* [Brief]
Your answer should consist solely of the lines from the first line of the data through the line with "#186=IFCRELAGGREGATES('0000000000000000000023',$,$,$,#16,(#11));", each reproduced exactly.
··· Input data ···
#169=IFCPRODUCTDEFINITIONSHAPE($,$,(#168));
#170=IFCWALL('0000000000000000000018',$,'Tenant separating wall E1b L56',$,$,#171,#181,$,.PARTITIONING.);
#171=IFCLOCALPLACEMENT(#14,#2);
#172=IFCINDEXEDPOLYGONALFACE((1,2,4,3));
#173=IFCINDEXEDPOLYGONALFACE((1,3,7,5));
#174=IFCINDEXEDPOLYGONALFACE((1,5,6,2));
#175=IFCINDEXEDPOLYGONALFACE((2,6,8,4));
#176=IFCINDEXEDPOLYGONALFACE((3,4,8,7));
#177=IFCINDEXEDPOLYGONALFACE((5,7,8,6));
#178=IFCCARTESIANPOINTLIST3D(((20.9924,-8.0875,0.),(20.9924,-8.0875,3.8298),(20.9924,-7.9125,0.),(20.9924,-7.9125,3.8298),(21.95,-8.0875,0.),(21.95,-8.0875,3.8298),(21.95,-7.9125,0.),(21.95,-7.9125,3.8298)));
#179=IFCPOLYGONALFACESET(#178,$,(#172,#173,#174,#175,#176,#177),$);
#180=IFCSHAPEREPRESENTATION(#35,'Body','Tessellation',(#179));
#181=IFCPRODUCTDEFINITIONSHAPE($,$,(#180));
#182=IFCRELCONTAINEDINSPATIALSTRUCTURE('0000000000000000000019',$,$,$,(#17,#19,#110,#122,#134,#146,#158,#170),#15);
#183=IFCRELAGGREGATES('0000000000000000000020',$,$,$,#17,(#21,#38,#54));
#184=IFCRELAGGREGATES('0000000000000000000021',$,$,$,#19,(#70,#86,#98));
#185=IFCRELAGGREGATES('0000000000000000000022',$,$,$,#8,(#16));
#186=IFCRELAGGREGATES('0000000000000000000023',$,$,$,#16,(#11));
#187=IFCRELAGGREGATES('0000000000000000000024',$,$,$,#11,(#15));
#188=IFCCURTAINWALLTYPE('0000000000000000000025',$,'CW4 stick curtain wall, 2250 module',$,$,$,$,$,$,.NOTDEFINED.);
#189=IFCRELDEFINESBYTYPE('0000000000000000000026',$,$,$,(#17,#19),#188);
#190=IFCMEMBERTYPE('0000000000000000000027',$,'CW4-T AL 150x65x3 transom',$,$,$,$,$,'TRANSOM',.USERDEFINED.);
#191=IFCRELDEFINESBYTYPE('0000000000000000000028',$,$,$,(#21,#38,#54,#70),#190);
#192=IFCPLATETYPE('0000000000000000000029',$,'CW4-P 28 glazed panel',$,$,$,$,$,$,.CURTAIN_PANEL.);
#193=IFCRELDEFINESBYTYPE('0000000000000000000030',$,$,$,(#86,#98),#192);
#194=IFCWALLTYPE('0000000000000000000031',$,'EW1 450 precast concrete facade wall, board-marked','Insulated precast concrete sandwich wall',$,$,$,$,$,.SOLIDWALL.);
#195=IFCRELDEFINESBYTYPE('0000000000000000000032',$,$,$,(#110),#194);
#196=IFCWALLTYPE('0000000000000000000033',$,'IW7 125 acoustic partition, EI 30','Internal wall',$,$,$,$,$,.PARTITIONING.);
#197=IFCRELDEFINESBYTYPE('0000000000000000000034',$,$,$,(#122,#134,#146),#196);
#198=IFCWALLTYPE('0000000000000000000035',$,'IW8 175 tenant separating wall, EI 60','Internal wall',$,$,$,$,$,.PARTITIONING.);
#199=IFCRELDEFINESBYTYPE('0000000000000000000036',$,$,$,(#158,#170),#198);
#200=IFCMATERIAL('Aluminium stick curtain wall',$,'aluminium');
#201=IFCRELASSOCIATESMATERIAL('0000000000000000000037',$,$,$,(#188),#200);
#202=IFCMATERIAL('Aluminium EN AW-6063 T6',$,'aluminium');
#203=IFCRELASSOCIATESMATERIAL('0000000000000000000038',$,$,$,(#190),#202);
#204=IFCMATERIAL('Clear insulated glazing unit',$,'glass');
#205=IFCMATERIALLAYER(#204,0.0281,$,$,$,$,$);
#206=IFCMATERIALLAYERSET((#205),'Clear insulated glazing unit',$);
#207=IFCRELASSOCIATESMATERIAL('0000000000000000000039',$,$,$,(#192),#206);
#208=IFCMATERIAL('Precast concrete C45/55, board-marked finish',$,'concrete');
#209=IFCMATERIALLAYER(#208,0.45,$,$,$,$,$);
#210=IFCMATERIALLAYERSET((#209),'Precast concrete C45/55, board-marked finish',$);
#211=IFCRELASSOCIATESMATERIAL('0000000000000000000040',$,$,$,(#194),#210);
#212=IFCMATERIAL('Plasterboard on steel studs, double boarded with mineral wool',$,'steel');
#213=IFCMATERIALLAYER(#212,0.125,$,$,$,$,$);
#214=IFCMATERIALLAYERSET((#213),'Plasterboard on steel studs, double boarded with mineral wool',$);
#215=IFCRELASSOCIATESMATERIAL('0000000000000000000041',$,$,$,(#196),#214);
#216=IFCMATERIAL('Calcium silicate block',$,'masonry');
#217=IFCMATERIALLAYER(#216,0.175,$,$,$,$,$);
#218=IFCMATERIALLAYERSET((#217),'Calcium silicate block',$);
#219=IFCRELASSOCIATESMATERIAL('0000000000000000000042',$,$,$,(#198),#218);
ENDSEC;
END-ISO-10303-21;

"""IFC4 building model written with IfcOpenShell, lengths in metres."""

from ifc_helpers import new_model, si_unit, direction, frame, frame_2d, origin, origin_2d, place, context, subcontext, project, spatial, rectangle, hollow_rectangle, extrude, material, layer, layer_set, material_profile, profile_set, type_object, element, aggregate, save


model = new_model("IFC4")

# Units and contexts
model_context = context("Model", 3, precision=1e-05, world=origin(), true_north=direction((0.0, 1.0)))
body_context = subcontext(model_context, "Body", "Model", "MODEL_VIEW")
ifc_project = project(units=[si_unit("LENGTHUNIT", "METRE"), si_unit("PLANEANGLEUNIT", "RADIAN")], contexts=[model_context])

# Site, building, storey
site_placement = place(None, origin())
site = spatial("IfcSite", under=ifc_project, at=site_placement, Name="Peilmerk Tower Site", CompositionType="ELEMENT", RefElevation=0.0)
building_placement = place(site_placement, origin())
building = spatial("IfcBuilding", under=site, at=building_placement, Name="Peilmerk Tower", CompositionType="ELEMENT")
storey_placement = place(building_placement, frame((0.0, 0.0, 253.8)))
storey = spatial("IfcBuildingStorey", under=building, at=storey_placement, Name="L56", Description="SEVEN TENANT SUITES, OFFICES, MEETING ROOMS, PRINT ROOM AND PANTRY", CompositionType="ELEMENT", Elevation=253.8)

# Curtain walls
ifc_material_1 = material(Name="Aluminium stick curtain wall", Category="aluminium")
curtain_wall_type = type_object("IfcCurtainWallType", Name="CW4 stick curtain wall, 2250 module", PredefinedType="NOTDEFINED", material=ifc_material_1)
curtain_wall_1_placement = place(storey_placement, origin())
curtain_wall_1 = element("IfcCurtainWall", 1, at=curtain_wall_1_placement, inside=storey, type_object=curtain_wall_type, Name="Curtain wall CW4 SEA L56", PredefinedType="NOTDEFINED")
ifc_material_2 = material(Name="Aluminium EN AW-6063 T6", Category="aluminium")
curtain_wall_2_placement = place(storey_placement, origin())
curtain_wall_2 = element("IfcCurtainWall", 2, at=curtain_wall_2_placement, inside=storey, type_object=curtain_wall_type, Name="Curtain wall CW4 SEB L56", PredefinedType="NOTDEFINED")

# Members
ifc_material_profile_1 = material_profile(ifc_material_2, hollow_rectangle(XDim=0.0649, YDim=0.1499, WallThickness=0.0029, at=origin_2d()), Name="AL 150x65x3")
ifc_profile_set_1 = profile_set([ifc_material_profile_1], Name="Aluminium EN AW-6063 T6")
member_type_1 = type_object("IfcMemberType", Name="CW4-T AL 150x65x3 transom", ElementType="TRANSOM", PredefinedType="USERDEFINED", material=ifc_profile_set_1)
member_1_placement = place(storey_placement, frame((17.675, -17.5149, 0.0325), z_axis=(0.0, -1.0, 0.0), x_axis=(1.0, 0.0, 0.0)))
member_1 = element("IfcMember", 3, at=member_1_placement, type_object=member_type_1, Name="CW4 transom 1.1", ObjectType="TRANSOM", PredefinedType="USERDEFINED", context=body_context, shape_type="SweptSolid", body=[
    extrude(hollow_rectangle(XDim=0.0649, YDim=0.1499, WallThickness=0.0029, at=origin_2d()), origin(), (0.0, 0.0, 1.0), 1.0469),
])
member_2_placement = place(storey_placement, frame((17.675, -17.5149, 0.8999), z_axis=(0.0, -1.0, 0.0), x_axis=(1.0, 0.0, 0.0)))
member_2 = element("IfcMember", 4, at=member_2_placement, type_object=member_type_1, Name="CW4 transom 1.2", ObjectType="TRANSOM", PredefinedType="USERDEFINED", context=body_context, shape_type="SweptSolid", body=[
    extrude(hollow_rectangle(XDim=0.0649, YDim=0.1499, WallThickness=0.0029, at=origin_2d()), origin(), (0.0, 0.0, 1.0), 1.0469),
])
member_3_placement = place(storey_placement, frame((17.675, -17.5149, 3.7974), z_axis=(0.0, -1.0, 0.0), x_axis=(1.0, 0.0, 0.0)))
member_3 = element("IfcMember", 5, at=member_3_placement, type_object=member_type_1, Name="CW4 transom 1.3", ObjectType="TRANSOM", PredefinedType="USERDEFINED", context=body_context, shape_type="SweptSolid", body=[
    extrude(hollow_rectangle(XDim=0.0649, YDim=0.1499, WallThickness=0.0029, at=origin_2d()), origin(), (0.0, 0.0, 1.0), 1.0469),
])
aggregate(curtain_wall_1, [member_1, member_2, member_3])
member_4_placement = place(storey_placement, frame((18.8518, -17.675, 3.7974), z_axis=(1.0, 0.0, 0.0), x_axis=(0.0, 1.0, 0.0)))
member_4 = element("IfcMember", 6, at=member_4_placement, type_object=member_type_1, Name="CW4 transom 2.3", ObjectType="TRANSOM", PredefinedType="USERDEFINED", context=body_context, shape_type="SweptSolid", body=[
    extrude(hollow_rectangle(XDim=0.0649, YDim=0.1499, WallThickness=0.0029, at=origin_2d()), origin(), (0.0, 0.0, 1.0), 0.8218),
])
···
* [Solution to this task]
#169=IFCPRODUCTDEFINITIONSHAPE($,$,(#168));
#170=IFCWALL('0000000000000000000018',$,'Tenant separating wall E1b L56',$,$,#171,#181,$,.PARTITIONING.);
#171=IFCLOCALPLACEMENT(#14,#2);
#172=IFCINDEXEDPOLYGONALFACE((1,2,4,3));
#173=IFCINDEXEDPOLYGONALFACE((1,3,7,5));
#174=IFCINDEXEDPOLYGONALFACE((1,5,6,2));
#175=IFCINDEXEDPOLYGONALFACE((2,6,8,4));
#176=IFCINDEXEDPOLYGONALFACE((3,4,8,7));
#177=IFCINDEXEDPOLYGONALFACE((5,7,8,6));
#178=IFCCARTESIANPOINTLIST3D(((20.9924,-8.0875,0.),(20.9924,-8.0875,3.8298),(20.9924,-7.9125,0.),(20.9924,-7.9125,3.8298),(21.95,-8.0875,0.),(21.95,-8.0875,3.8298),(21.95,-7.9125,0.),(21.95,-7.9125,3.8298)));
#179=IFCPOLYGONALFACESET(#178,$,(#172,#173,#174,#175,#176,#177),$);
#180=IFCSHAPEREPRESENTATION(#35,'Body','Tessellation',(#179));
#181=IFCPRODUCTDEFINITIONSHAPE($,$,(#180));
#182=IFCRELCONTAINEDINSPATIALSTRUCTURE('0000000000000000000019',$,$,$,(#17,#19,#110,#122,#134,#146,#158,#170),#15);
#183=IFCRELAGGREGATES('0000000000000000000020',$,$,$,#17,(#21,#38,#54));
#184=IFCRELAGGREGATES('0000000000000000000021',$,$,$,#19,(#70,#86,#98));
#185=IFCRELAGGREGATES('0000000000000000000022',$,$,$,#8,(#16));
#186=IFCRELAGGREGATES('0000000000000000000023',$,$,$,#16,(#11));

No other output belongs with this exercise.